◆ Task directions ◆
Transcribe every entry precisely, omitting nothing.

----

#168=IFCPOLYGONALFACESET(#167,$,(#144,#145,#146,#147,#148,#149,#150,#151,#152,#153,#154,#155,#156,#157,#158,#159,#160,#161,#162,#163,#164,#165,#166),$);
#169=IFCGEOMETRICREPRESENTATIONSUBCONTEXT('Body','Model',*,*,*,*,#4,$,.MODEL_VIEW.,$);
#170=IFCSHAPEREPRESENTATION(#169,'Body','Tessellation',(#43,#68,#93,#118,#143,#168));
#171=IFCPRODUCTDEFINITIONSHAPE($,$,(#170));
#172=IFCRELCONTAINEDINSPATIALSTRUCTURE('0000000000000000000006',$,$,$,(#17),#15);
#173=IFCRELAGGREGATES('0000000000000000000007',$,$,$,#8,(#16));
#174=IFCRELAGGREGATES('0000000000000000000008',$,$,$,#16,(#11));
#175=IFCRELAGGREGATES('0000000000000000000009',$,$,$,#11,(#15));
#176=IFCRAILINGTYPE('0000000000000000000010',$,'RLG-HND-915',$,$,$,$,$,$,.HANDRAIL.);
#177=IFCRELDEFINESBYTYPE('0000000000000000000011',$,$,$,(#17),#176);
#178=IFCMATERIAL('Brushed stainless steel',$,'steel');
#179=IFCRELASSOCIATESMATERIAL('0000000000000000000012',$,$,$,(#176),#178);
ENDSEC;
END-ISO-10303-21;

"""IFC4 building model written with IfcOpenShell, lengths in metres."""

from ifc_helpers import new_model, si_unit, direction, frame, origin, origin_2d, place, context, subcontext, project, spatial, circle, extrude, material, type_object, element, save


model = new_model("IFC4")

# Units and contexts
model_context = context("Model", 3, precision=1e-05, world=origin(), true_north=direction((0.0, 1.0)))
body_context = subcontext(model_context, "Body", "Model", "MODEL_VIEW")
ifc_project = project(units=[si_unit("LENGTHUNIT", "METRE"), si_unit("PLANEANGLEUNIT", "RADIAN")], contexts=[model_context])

----

◆ Answer to this task ◆
#168=IFCPOLYGONALFACESET(#167,$,(#144,#145,#146,#147,#148,#149,#150,#151,#152,#153,#154,#155,#156,#157,#158,#159,#160,#161,#162,#163,#164,#165,#166),$);
#169=IFCGEOMETRICREPRESENTATIONSUBCONTEXT('Body','Model',*,*,*,*,#4,$,.MODEL_VIEW.,$);
#170=IFCSHAPEREPRESENTATION(#169,'Body','Tessellation',(#43,#68,#93,#118,#143,#168));
#171=IFCPRODUCTDEFINITIONSHAPE($,$,(#170));
#172=IFCRELCONTAINEDINSPATIALSTRUCTURE('0000000000000000000006',$,$,$,(#17),#15);
#173=IFCRELAGGREGATES('0000000000000000000007',$,$,$,#8,(#16));
#174=IFCRELAGGREGATES('0000000000000000000008',$,$,$,#16,(#11));
#175=IFCRELAGGREGATES('0000000000000000000009',$,$,$,#11,(#15));
#176=IFCRAILINGTYPE('0000000000000000000010',$,'RLG-HND-915',$,$,$,$,$,$,.HANDRAIL.);
#177=IFCRELDEFINESBYTYPE('0000000000000000000011',$,$,$,(#17),#176);
#178=IFCMATERIAL('Brushed stainless steel',$,'steel');
#179=IFCRELASSOCIATESMATERIAL('0000000000000000000012',$,$,$,(#176),#178);
ENDSEC;
END-ISO-10303-21;

"""IFC4 building model written with IfcOpenShell, lengths in metres."""

from ifc_helpers import new_model, si_unit, direction, frame, origin, origin_2d, place, context, subcontext, project, spatial, circle, extrude, material, type_object, element, save


model = new_model("IFC4")

# Units and contexts
model_context = context("Model", 3, precision=1e-05, world=origin(), true_north=direction((0.0, 1.0)))
body_context = subcontext(model_context, "Body", "Model", "MODEL_VIEW")
ifc_project = project(units=[si_unit("LENGTHUNIT", "METRE"), si_unit("PLANEANGLEUNIT", "RADIAN")], contexts=[model_context])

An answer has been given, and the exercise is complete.